- Stored items:
# # # #

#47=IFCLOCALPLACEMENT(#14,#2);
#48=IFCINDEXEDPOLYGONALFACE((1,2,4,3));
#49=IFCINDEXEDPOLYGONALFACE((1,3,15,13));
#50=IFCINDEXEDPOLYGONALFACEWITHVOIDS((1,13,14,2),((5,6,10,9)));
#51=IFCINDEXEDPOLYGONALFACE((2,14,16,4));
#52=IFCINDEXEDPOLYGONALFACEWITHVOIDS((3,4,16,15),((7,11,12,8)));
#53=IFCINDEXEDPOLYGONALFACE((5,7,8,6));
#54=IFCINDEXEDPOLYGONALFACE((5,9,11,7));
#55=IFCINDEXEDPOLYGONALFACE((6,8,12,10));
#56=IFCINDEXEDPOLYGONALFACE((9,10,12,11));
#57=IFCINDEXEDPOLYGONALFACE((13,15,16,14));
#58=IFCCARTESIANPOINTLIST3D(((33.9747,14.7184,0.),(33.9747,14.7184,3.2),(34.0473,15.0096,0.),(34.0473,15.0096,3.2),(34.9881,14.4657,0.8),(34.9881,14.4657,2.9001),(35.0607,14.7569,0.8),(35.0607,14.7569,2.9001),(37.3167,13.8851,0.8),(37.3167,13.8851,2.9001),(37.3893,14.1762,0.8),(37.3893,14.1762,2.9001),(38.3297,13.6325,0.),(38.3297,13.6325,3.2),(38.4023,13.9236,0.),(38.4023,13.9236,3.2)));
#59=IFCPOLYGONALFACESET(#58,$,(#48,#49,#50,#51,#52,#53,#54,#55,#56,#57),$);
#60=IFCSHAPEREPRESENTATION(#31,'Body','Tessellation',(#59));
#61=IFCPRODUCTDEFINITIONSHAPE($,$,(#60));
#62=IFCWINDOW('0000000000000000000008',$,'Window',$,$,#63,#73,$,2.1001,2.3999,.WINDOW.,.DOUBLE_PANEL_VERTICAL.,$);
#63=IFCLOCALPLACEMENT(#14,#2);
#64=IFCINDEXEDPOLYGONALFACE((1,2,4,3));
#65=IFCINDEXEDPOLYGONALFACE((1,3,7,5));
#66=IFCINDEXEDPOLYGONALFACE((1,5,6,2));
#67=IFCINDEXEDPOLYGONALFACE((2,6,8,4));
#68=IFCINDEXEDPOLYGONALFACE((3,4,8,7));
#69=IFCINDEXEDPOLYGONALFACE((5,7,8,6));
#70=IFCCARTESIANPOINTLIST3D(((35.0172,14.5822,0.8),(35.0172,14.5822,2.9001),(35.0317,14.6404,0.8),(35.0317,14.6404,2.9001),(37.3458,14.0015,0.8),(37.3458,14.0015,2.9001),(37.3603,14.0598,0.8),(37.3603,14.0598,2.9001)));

# # # #

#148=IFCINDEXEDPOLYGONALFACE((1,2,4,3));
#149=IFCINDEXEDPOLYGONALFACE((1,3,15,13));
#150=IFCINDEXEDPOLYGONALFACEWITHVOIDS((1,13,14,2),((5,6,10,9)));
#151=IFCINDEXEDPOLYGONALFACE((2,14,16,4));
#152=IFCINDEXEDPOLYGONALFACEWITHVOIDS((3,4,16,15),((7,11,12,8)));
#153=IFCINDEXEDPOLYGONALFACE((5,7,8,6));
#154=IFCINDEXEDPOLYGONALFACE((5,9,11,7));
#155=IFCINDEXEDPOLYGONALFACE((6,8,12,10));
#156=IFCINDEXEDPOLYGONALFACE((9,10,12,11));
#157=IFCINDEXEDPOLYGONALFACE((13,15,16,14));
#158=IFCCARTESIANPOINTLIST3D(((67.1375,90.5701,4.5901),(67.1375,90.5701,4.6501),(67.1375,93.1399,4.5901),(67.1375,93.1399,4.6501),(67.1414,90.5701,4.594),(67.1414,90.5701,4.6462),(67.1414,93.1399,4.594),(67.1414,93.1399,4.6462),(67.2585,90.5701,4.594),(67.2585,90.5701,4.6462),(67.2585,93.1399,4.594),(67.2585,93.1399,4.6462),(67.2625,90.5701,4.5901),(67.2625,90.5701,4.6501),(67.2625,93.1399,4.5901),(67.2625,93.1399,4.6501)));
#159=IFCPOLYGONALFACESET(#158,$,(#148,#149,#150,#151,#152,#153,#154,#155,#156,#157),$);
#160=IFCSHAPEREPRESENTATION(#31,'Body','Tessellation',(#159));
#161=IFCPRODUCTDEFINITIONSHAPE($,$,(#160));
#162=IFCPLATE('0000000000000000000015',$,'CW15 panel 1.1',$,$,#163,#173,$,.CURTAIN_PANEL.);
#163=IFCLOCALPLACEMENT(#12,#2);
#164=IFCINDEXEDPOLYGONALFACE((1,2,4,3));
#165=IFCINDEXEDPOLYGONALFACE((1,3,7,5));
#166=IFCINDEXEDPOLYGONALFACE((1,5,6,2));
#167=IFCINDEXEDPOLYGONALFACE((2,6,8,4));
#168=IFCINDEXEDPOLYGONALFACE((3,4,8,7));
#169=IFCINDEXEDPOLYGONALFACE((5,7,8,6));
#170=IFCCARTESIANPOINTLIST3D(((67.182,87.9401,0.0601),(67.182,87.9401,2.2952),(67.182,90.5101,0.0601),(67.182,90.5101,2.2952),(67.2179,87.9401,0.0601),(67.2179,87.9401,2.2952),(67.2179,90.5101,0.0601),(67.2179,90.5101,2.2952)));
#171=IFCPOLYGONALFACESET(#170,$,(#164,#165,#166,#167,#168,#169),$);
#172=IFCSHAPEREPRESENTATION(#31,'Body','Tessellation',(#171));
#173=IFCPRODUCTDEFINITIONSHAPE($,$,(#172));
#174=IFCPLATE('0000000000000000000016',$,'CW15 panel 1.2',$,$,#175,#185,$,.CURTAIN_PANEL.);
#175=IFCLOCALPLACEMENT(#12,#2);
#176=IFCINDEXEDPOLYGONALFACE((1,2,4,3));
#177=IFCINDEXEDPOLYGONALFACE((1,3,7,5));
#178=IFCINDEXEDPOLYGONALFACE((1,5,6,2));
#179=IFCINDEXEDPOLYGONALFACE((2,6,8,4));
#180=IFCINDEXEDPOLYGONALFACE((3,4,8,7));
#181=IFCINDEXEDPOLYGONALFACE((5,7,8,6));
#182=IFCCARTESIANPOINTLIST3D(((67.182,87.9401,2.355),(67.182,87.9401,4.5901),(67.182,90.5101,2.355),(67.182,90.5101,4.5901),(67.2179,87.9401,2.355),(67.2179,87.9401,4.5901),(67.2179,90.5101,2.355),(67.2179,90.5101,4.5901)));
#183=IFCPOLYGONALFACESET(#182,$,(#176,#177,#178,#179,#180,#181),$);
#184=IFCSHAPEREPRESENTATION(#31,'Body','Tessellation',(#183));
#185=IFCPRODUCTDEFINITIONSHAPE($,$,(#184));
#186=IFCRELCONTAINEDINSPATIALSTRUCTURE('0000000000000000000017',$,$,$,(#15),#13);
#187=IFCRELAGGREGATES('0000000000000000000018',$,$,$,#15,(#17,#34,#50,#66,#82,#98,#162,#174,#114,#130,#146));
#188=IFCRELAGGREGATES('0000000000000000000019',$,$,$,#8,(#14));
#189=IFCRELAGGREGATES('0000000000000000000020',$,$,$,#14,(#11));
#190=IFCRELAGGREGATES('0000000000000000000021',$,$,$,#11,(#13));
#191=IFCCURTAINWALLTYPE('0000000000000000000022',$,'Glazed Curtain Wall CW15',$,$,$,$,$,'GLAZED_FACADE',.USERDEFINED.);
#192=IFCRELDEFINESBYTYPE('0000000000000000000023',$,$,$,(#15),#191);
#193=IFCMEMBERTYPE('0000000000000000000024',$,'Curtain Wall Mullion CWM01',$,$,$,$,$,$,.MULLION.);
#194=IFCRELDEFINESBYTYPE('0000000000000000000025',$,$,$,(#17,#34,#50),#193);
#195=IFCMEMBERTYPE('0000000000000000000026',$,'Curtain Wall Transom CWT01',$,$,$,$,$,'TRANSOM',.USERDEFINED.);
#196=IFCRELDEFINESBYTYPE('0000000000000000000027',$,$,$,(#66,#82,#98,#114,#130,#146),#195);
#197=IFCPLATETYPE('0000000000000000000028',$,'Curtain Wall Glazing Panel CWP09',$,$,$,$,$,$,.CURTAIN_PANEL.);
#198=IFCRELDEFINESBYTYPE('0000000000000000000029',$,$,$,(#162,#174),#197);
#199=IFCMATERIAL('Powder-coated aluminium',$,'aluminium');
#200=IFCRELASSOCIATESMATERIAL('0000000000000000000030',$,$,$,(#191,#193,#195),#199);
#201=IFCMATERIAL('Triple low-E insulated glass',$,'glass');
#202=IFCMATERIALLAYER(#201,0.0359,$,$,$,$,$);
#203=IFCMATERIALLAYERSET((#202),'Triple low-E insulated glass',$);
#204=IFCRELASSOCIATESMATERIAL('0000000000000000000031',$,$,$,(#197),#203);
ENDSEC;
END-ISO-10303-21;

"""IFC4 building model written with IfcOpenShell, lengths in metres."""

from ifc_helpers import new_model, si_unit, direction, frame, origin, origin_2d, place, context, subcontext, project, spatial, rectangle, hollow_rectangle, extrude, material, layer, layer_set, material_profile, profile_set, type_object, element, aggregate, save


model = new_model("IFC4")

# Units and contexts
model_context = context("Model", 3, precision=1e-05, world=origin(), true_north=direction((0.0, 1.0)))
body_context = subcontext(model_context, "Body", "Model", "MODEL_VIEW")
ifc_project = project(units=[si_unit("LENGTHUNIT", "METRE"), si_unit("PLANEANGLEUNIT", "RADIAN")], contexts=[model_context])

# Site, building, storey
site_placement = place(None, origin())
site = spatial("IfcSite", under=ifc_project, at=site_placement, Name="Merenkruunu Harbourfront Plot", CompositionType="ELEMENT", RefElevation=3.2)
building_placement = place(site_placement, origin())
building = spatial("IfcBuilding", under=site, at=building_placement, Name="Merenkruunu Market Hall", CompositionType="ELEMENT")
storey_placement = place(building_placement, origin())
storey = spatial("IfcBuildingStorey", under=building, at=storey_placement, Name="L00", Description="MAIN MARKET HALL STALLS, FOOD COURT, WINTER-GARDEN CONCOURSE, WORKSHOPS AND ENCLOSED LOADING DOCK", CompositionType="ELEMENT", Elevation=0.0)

# # # #

Will you return exactly the lines above from the one with "#155=IFCINDEXEDPOLYGONALFACE((6,8,12,10));" down to the one with "#160=IFCSHAPEREPRESENTATION(#31,'Body','Tessellation',(#159));", counting both as part of the range?

- PROBLEM SOLUTION:
#155=IFCINDEXEDPOLYGONALFACE((6,8,12,10));
#156=IFCINDEXEDPOLYGONALFACE((9,10,12,11));
#157=IFCINDEXEDPOLYGONALFACE((13,15,16,14));
#158=IFCCARTESIANPOINTLIST3D(((67.1375,90.5701,4.5901),(67.1375,90.5701,4.6501),(67.1375,93.1399,4.5901),(67.1375,93.1399,4.6501),(67.1414,90.5701,4.594),(67.1414,90.5701,4.6462),(67.1414,93.1399,4.594),(67.1414,93.1399,4.6462),(67.2585,90.5701,4.594),(67.2585,90.5701,4.6462),(67.2585,93.1399,4.594),(67.2585,93.1399,4.6462),(67.2625,90.5701,4.5901),(67.2625,90.5701,4.6501),(67.2625,93.1399,4.5901),(67.2625,93.1399,4.6501)));
#159=IFCPOLYGONALFACESET(#158,$,(#148,#149,#150,#151,#152,#153,#154,#155,#156,#157),$);
#160=IFCSHAPEREPRESENTATION(#31,'Body','Tessellation',(#159));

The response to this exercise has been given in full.